- **INPUT**

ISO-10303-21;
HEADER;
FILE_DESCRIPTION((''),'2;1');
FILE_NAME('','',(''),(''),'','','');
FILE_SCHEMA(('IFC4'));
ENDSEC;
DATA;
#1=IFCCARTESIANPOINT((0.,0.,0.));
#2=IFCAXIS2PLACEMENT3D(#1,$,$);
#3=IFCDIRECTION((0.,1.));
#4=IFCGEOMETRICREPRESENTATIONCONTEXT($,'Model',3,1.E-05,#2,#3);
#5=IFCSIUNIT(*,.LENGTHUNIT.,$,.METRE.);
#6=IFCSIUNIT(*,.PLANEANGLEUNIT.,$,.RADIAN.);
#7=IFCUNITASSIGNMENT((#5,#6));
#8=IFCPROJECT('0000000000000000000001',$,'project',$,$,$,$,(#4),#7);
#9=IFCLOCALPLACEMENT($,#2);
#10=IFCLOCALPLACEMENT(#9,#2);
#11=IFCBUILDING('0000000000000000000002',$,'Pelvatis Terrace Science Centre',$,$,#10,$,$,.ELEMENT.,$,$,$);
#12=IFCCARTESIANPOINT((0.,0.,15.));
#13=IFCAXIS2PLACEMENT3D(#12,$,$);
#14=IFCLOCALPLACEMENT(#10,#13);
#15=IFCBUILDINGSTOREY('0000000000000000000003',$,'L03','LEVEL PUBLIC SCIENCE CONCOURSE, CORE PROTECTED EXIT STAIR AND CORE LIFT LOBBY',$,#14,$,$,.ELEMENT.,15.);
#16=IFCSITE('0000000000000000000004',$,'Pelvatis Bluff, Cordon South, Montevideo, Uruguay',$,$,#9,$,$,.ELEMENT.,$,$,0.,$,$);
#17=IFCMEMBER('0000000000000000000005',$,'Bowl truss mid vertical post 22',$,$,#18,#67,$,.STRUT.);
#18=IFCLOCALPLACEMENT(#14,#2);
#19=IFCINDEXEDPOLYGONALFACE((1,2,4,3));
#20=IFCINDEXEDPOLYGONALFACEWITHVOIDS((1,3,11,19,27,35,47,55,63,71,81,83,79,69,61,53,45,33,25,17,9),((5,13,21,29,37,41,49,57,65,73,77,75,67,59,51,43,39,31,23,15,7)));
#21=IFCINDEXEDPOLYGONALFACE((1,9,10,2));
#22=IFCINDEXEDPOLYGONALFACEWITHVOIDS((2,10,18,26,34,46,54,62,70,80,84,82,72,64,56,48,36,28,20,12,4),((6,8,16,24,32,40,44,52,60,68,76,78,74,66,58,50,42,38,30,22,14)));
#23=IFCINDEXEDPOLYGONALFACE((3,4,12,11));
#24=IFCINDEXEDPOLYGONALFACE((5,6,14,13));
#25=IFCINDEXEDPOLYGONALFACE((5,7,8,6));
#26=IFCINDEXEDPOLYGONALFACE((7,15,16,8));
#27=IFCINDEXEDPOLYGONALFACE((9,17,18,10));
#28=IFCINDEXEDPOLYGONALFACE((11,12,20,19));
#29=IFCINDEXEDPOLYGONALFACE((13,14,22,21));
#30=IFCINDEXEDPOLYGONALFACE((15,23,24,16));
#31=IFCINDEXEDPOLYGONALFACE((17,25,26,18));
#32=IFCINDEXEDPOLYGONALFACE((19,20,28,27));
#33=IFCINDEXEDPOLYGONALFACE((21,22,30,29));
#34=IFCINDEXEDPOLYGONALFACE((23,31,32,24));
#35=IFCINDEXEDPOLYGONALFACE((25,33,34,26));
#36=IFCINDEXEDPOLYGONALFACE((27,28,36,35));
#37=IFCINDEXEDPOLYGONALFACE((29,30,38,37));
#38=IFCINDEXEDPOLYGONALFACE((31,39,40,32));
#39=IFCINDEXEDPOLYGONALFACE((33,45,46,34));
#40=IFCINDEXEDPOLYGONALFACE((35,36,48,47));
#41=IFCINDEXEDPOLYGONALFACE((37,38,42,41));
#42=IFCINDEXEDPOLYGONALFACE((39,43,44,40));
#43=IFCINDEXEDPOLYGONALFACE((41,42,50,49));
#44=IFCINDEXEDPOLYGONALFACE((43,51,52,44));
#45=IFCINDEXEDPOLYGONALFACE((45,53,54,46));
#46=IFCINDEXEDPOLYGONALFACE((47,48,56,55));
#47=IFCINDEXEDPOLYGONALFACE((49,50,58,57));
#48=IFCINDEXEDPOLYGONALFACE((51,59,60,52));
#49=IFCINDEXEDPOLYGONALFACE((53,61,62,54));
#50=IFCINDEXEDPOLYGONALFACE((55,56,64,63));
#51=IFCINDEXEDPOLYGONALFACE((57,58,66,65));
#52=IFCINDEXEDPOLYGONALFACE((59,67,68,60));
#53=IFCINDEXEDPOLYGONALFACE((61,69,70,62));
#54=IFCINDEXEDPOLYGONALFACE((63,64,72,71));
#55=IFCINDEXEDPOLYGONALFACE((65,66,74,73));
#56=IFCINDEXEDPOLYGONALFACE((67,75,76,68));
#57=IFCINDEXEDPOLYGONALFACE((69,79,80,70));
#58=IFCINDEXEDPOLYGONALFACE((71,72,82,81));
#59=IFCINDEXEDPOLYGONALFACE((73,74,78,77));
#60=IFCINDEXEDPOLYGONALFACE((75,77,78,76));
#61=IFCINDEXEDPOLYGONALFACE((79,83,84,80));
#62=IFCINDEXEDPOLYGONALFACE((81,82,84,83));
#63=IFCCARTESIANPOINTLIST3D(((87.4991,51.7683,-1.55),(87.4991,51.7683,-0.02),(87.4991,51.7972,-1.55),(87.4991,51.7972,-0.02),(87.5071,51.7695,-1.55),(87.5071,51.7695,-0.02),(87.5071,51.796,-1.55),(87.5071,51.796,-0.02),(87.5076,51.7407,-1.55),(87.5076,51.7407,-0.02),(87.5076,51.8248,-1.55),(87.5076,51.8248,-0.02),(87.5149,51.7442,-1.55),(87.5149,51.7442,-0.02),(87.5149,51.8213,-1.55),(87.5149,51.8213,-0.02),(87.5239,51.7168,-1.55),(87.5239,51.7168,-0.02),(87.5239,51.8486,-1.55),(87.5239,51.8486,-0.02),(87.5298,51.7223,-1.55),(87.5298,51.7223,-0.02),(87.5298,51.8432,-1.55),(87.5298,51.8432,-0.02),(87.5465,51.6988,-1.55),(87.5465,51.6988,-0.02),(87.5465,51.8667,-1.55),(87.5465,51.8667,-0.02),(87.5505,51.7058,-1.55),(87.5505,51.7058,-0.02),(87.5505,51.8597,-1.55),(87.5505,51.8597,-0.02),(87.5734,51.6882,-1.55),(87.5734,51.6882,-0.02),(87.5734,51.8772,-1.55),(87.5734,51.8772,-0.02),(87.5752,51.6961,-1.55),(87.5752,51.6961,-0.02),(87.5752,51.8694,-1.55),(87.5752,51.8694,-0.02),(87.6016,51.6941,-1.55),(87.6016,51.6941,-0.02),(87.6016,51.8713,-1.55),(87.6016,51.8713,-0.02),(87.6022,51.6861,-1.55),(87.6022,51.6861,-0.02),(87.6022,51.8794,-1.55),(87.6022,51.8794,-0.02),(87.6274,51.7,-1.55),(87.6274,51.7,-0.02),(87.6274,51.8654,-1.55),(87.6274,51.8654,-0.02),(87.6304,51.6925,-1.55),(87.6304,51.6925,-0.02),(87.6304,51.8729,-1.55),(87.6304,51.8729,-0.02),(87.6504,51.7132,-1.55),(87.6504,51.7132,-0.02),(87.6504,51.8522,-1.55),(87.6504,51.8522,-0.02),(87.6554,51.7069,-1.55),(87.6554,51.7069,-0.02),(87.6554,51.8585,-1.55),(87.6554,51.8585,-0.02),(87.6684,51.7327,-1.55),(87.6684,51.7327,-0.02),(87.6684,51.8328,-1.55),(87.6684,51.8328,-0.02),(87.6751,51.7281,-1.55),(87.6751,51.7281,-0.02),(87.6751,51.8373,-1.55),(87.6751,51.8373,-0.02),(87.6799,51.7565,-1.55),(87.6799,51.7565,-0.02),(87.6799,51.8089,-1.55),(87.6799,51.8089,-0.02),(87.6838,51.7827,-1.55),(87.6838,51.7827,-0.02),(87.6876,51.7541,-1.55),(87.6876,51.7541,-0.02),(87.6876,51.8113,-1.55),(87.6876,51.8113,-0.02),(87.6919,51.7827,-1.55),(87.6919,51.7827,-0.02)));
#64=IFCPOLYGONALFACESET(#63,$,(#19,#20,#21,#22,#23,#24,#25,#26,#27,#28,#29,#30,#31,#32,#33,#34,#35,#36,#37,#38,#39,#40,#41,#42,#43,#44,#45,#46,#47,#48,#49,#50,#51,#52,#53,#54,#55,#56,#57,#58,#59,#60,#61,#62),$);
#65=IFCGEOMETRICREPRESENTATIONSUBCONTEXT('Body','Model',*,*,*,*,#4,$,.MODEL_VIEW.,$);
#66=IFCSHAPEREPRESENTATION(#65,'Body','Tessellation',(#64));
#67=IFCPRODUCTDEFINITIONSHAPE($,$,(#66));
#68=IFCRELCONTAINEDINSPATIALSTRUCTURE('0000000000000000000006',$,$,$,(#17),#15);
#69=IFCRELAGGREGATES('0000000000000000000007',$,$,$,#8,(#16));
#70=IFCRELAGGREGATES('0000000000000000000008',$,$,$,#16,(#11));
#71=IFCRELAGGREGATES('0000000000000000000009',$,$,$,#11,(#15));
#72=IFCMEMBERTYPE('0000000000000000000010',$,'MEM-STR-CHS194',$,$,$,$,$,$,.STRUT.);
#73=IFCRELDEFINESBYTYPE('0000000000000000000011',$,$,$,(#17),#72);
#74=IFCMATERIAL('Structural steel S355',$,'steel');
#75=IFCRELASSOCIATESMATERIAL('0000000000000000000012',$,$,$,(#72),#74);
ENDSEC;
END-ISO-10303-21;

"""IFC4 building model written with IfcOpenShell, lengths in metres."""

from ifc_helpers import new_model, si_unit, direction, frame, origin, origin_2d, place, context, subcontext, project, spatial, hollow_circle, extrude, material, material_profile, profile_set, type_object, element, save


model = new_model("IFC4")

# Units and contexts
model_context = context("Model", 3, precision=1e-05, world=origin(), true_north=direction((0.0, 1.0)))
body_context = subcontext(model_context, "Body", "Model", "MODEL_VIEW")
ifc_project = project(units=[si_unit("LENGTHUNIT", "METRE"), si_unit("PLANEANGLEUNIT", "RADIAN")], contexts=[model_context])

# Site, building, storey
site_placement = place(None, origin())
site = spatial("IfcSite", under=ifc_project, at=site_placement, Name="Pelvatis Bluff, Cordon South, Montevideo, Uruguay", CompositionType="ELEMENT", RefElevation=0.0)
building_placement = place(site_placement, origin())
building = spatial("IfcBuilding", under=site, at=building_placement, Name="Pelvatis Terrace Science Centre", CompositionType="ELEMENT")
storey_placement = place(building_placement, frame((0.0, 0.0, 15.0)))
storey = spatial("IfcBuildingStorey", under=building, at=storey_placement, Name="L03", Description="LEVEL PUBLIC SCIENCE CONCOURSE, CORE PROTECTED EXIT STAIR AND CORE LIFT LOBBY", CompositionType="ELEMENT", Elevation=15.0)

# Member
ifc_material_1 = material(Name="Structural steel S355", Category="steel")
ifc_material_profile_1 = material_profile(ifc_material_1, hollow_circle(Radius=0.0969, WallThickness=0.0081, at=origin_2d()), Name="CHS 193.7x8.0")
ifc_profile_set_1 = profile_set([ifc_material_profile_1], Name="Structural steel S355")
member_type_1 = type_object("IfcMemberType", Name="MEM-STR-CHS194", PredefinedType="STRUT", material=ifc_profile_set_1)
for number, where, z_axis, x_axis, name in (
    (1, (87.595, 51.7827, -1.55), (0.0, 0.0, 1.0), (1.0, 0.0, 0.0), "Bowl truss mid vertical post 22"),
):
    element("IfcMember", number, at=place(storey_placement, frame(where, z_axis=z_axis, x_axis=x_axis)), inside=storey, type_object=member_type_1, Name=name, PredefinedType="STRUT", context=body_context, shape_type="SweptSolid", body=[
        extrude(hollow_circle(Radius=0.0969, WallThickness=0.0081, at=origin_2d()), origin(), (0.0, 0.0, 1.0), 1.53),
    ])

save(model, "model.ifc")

- **WORK ORDER**
Whenever a line in the records contains the word "IFCINDEXEDPOLYGONALFACEWITHVOIDS", copy that line.

- **WRITTEN SOLUTION**
#20=IFCINDEXEDPOLYGONALFACEWITHVOIDS((1,3,11,19,27,35,47,55,63,71,81,83,79,69,61,53,45,33,25,17,9),((5,13,21,29,37,41,49,57,65,73,77,75,67,59,51,43,39,31,23,15,7)));
#22=IFCINDEXEDPOLYGONALFACEWITHVOIDS((2,10,18,26,34,46,54,62,70,80,84,82,72,64,56,48,36,28,20,12,4),((6,8,16,24,32,40,44,52,60,68,76,78,74,66,58,50,42,38,30,22,14)));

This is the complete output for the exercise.